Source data

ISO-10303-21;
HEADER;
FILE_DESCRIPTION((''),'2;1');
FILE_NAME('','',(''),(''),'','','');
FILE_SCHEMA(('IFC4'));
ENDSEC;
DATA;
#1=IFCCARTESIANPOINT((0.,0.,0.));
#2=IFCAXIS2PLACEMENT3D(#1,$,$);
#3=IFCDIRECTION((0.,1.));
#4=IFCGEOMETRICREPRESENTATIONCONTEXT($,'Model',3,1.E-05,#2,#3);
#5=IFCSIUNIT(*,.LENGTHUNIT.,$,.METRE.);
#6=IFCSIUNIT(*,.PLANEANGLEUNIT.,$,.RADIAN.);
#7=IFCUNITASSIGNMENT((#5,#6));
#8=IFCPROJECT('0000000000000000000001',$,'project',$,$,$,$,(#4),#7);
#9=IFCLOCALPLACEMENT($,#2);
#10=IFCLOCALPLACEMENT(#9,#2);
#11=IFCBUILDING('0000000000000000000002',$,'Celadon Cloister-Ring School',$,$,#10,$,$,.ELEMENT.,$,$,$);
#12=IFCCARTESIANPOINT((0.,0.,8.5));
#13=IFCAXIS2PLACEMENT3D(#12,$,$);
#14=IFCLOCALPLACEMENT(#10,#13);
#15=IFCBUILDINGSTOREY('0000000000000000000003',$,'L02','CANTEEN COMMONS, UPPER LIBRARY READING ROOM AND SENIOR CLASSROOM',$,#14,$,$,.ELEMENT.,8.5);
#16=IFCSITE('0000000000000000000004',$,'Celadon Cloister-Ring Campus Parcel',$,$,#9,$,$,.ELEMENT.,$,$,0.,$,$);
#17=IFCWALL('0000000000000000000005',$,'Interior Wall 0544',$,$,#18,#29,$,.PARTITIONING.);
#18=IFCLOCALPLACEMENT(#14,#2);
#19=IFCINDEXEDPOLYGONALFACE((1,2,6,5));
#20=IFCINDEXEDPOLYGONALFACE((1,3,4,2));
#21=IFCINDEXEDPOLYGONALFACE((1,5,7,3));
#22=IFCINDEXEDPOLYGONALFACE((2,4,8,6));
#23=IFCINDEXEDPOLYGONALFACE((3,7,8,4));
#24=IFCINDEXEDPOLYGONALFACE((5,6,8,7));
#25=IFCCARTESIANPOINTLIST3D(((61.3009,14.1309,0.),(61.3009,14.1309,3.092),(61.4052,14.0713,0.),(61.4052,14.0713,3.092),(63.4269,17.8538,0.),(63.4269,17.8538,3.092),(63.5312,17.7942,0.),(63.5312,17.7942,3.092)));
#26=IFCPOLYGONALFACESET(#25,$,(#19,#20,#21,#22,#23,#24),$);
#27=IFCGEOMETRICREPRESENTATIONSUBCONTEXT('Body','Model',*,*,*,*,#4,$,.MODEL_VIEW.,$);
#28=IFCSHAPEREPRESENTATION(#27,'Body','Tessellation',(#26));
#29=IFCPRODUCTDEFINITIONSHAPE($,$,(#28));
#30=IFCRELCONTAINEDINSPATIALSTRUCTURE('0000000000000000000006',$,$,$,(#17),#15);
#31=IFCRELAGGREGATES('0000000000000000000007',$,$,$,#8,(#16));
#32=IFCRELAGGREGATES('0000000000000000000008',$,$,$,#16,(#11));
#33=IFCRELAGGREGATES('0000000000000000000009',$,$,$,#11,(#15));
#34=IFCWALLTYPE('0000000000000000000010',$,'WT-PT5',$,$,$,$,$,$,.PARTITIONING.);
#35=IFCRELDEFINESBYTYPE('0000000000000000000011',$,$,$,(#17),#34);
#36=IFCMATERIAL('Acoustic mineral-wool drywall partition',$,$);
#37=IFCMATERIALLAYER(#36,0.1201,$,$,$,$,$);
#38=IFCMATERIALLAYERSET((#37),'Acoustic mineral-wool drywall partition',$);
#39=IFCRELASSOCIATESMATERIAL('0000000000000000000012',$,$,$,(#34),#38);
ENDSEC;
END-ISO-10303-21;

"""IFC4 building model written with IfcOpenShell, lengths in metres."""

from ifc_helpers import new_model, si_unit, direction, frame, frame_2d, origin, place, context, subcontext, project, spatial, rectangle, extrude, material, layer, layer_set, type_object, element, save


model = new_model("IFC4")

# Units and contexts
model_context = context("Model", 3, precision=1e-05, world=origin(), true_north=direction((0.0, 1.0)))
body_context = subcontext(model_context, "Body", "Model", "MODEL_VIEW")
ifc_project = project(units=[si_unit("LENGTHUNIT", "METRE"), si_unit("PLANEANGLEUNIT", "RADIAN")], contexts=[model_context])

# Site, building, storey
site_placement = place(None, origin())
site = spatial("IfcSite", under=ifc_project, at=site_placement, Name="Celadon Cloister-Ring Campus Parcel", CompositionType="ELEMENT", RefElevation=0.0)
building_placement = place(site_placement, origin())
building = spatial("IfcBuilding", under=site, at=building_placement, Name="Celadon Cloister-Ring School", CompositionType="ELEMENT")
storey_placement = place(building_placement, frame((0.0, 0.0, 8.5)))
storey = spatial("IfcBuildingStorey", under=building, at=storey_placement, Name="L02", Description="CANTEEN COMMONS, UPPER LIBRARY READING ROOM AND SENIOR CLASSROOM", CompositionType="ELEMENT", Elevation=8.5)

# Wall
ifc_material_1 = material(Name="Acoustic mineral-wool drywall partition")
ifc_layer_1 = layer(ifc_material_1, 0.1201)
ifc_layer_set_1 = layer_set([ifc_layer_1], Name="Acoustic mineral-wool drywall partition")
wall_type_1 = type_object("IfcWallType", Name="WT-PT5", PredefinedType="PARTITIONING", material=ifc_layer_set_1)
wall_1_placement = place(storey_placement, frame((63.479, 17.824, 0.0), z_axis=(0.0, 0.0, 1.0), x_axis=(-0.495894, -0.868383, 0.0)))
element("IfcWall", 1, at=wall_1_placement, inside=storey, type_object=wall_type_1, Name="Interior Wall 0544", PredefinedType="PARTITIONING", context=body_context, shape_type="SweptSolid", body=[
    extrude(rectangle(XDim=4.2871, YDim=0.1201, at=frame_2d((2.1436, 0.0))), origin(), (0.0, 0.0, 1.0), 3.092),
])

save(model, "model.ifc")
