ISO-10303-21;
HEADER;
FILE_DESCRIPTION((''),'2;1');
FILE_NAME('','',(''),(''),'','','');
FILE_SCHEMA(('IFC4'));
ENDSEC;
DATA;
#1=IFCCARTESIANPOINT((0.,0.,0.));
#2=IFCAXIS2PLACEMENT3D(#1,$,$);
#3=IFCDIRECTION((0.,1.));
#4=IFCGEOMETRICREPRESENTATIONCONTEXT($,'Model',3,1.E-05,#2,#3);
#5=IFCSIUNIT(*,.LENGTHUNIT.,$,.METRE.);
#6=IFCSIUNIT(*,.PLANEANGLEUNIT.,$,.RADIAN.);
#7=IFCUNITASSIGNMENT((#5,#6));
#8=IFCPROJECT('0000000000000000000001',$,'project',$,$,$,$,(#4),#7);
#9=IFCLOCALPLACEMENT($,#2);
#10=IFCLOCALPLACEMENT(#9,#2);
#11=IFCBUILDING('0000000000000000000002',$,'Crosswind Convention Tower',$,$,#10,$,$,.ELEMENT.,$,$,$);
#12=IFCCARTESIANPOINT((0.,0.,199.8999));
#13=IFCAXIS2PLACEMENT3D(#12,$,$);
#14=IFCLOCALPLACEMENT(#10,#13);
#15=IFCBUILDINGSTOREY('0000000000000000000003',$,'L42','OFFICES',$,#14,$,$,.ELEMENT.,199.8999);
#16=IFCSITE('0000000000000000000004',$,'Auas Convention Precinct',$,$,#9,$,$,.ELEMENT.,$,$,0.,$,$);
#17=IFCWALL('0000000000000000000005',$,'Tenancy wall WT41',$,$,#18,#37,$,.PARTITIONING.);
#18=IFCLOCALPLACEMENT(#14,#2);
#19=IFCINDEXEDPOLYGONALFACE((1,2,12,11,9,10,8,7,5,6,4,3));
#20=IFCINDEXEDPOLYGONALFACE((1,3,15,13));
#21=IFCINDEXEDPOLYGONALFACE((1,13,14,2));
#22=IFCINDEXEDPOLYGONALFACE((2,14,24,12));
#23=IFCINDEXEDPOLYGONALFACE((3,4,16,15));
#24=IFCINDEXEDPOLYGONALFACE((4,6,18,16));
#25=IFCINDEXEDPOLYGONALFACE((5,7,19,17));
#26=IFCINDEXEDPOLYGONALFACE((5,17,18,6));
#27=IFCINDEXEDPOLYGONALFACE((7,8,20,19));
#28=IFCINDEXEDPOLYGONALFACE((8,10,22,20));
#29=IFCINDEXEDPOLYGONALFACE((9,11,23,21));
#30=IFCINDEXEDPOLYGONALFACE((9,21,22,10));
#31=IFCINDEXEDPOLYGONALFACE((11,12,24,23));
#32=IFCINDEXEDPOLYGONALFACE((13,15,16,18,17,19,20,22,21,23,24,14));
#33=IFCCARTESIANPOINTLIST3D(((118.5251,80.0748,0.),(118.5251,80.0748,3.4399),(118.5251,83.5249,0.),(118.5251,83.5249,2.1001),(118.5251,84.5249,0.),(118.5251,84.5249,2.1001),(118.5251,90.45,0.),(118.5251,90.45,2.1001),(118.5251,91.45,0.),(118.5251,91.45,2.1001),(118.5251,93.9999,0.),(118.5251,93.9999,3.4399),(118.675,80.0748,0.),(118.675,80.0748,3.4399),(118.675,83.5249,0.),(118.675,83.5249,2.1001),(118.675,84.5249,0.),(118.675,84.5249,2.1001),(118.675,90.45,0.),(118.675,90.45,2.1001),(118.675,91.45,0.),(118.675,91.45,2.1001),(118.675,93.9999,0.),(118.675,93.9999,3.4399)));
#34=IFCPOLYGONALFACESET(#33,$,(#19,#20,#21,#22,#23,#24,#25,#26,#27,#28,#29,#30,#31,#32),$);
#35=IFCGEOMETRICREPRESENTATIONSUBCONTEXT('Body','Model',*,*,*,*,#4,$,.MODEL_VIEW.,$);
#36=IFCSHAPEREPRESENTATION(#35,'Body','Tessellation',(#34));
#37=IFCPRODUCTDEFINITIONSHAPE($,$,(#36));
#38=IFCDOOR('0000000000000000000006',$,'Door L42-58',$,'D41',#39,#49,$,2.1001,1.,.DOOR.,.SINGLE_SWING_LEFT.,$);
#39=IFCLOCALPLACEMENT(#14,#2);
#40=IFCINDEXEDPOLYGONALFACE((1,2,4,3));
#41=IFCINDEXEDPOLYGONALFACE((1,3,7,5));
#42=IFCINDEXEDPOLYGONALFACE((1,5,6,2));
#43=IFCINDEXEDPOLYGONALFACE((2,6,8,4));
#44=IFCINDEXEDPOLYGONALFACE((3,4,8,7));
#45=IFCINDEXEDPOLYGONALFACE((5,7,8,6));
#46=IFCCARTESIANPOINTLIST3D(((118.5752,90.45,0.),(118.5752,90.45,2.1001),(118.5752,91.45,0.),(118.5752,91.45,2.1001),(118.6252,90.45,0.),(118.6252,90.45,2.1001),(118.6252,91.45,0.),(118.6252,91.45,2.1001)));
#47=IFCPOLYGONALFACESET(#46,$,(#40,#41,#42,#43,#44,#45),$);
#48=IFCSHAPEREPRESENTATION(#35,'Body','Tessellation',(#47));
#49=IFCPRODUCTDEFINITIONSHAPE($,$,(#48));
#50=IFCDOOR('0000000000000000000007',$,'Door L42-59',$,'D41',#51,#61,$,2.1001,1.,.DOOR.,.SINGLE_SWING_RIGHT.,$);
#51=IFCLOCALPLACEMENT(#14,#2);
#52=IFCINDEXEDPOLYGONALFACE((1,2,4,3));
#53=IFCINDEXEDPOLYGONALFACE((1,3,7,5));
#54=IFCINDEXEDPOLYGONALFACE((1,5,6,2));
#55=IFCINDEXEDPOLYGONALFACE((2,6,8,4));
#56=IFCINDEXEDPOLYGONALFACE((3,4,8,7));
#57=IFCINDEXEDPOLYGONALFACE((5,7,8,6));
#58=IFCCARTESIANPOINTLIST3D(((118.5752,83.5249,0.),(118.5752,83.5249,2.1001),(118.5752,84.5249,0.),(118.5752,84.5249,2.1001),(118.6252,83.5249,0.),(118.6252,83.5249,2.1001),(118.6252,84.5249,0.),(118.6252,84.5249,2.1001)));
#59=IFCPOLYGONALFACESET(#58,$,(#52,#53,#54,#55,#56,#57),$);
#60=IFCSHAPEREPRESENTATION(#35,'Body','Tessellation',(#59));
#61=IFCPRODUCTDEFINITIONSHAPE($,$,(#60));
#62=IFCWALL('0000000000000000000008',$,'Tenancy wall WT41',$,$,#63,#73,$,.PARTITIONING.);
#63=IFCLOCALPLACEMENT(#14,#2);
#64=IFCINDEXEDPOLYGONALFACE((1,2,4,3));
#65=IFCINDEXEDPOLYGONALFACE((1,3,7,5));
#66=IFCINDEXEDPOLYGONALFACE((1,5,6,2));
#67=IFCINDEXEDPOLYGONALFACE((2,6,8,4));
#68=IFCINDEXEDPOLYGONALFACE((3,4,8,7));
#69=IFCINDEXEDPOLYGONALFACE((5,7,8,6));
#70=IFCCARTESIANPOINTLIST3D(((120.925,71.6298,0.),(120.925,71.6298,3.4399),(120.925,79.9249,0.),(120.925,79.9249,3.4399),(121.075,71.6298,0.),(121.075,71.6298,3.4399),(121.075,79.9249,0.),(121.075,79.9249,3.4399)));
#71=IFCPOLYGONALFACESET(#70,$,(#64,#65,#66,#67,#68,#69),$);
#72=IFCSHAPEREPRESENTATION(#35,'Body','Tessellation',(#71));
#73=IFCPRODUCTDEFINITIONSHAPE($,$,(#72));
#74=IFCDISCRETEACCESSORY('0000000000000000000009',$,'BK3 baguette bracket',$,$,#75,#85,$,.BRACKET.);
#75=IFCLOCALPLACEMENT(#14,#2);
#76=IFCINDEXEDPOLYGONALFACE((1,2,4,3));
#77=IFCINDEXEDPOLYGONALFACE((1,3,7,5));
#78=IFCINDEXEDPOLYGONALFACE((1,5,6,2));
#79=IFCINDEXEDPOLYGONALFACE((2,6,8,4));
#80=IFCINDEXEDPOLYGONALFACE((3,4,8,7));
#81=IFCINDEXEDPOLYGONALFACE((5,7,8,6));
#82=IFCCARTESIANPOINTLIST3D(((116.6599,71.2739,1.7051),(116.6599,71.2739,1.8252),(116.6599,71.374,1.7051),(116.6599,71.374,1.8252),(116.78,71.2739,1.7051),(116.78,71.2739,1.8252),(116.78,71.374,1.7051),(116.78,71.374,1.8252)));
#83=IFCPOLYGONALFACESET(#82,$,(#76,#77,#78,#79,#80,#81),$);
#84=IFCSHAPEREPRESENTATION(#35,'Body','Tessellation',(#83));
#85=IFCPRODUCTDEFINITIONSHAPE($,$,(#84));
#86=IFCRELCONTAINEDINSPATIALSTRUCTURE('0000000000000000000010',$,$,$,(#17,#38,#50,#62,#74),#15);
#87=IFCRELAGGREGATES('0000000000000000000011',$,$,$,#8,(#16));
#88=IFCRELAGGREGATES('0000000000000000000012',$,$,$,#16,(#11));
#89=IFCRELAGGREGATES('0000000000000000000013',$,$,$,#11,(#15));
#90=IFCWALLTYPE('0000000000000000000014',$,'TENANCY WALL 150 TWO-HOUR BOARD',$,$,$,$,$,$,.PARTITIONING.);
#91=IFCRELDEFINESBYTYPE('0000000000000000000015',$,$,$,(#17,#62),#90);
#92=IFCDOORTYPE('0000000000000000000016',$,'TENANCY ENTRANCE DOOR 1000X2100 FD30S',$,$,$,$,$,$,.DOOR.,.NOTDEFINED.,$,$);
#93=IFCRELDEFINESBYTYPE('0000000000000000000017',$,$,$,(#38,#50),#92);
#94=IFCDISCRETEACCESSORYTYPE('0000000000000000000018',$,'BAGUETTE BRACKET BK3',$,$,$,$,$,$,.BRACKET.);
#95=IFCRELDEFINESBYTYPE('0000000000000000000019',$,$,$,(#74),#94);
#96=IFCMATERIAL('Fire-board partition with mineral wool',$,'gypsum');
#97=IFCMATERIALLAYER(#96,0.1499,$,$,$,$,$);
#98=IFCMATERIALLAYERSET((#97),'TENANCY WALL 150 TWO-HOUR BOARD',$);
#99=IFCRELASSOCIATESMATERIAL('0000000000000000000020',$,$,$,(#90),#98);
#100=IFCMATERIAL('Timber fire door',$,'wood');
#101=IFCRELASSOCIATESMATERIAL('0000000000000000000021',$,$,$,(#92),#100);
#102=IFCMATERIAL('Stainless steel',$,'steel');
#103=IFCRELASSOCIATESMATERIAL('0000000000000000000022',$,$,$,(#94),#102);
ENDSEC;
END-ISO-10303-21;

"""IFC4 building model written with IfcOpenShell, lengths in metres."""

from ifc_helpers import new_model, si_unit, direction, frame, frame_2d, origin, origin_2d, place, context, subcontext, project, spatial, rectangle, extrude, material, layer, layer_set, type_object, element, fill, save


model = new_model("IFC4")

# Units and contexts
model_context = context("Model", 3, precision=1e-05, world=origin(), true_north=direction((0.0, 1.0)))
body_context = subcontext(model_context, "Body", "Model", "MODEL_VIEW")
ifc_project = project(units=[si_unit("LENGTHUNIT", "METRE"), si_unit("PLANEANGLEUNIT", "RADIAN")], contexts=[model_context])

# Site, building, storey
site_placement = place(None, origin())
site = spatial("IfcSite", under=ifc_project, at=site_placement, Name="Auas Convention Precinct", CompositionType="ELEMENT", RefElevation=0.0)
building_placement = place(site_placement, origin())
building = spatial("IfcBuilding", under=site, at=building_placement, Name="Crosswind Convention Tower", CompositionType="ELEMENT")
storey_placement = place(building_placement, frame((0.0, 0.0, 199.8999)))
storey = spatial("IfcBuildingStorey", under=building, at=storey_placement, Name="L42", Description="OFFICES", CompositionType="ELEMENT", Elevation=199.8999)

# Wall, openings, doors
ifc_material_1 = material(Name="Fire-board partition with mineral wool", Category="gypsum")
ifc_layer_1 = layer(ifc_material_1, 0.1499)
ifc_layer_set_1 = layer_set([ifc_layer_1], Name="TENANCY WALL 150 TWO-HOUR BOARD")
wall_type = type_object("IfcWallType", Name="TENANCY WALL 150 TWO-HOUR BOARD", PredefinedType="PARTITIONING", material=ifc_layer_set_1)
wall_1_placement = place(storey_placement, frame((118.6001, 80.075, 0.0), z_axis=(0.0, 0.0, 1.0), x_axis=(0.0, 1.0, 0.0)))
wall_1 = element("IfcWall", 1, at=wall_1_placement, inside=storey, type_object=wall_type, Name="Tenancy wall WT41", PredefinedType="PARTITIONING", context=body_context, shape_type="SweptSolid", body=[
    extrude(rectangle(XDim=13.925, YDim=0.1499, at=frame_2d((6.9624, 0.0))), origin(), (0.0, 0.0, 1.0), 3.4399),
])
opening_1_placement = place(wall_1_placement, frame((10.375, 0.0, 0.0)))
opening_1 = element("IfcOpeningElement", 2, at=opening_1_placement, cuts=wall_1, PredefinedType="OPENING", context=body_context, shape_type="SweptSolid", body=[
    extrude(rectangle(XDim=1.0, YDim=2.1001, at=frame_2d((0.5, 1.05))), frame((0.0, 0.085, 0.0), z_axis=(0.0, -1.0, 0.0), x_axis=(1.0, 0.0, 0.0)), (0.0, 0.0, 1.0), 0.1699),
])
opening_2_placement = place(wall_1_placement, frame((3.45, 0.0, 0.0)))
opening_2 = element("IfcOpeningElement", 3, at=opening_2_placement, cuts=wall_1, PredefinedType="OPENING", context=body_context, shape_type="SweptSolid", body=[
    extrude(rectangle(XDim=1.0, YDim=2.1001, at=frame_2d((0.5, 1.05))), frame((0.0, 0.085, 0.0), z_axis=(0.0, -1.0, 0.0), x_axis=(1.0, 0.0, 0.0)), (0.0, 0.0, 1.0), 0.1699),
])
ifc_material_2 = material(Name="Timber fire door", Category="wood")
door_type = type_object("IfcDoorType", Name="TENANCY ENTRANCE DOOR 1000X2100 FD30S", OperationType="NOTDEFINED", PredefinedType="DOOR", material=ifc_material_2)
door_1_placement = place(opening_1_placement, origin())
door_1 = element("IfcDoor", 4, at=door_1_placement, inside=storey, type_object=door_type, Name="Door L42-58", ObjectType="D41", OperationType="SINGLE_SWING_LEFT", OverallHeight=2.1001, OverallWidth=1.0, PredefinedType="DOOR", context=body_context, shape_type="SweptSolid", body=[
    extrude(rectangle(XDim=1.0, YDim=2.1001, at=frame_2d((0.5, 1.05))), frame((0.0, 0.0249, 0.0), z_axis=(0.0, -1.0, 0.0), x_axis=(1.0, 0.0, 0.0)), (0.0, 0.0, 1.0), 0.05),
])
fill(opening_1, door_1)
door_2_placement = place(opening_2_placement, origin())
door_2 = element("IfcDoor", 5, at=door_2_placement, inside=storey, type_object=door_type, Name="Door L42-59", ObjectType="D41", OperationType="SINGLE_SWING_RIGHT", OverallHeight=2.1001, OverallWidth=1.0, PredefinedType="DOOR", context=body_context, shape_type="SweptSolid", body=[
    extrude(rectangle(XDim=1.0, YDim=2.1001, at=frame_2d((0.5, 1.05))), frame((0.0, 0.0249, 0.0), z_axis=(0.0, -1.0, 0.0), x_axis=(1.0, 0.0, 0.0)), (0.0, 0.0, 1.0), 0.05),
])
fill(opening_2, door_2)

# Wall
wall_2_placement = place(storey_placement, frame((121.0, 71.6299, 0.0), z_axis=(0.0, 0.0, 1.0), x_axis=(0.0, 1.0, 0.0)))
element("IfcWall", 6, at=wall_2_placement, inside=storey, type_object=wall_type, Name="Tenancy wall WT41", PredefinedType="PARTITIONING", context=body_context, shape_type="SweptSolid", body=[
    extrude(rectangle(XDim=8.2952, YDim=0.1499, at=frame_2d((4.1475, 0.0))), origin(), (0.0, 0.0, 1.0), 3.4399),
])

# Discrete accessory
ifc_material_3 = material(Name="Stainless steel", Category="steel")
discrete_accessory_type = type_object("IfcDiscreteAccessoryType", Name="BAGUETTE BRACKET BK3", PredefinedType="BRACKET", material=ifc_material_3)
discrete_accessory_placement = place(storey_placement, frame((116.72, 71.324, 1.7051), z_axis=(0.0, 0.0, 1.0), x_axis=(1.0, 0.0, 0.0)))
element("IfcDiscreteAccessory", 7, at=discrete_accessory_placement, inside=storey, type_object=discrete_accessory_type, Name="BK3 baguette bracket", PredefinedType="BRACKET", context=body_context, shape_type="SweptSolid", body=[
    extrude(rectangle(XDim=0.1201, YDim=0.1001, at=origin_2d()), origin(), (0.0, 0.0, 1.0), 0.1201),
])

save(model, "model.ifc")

[Exercise goal] Every line above that holds the string "IFCRELDEFINESBYTYPE" should be returned.

[Response]
#35=IFCRELDEFINESBYTYPE('0000000000000000000011',$,$,$,(#17),#34);
#91=IFCRELDEFINESBYTYPE('0000000000000000000015',$,$,$,(#17,#62),#90);
#93=IFCRELDEFINESBYTYPE('0000000000000000000017',$,$,$,(#38,#50),#92);
#95=IFCRELDEFINESBYTYPE('0000000000000000000019',$,$,$,(#74),#94);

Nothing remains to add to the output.